- _Task brief_:
Each line below must be written out exactly as shown.

-- Record set follows --

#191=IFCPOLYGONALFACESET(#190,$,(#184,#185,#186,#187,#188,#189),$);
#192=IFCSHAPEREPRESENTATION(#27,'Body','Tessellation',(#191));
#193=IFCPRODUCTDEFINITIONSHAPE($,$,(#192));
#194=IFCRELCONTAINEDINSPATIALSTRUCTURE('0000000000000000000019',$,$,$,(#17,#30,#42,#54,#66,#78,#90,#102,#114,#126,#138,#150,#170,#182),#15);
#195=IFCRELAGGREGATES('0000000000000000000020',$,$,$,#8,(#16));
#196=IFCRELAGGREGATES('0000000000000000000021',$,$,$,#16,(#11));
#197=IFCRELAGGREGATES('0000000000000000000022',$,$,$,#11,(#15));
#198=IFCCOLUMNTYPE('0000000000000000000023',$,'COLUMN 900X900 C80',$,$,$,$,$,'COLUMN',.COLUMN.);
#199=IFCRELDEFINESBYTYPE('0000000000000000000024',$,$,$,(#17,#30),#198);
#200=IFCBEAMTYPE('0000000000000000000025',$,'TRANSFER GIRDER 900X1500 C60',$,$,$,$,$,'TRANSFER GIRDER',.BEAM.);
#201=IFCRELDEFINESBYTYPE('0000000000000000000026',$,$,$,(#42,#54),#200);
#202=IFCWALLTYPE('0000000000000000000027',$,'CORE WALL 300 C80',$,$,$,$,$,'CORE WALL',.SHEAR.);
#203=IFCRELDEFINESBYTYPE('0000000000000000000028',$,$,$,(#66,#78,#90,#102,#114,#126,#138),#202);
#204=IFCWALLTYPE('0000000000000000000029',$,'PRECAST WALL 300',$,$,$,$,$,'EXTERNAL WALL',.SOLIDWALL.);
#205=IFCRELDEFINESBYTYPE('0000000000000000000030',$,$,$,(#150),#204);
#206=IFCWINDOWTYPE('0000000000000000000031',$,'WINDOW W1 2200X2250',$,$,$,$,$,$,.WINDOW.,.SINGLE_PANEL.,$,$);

-- Record set concluded --

- _Written answer_:
#191=IFCPOLYGONALFACESET(#190,$,(#184,#185,#186,#187,#188,#189),$);
#192=IFCSHAPEREPRESENTATION(#27,'Body','Tessellation',(#191));
#193=IFCPRODUCTDEFINITIONSHAPE($,$,(#192));
#194=IFCRELCONTAINEDINSPATIALSTRUCTURE('0000000000000000000019',$,$,$,(#17,#30,#42,#54,#66,#78,#90,#102,#114,#126,#138,#150,#170,#182),#15);
#195=IFCRELAGGREGATES('0000000000000000000020',$,$,$,#8,(#16));
#196=IFCRELAGGREGATES('0000000000000000000021',$,$,$,#16,(#11));
#197=IFCRELAGGREGATES('0000000000000000000022',$,$,$,#11,(#15));
#198=IFCCOLUMNTYPE('0000000000000000000023',$,'COLUMN 900X900 C80',$,$,$,$,$,'COLUMN',.COLUMN.);
#199=IFCRELDEFINESBYTYPE('0000000000000000000024',$,$,$,(#17,#30),#198);
#200=IFCBEAMTYPE('0000000000000000000025',$,'TRANSFER GIRDER 900X1500 C60',$,$,$,$,$,'TRANSFER GIRDER',.BEAM.);
#201=IFCRELDEFINESBYTYPE('0000000000000000000026',$,$,$,(#42,#54),#200);
#202=IFCWALLTYPE('0000000000000000000027',$,'CORE WALL 300 C80',$,$,$,$,$,'CORE WALL',.SHEAR.);
#203=IFCRELDEFINESBYTYPE('0000000000000000000028',$,$,$,(#66,#78,#90,#102,#114,#126,#138),#202);
#204=IFCWALLTYPE('0000000000000000000029',$,'PRECAST WALL 300',$,$,$,$,$,'EXTERNAL WALL',.SOLIDWALL.);
#205=IFCRELDEFINESBYTYPE('0000000000000000000030',$,$,$,(#150),#204);
#206=IFCWINDOWTYPE('0000000000000000000031',$,'WINDOW W1 2200X2250',$,$,$,$,$,$,.WINDOW.,.SINGLE_PANEL.,$,$);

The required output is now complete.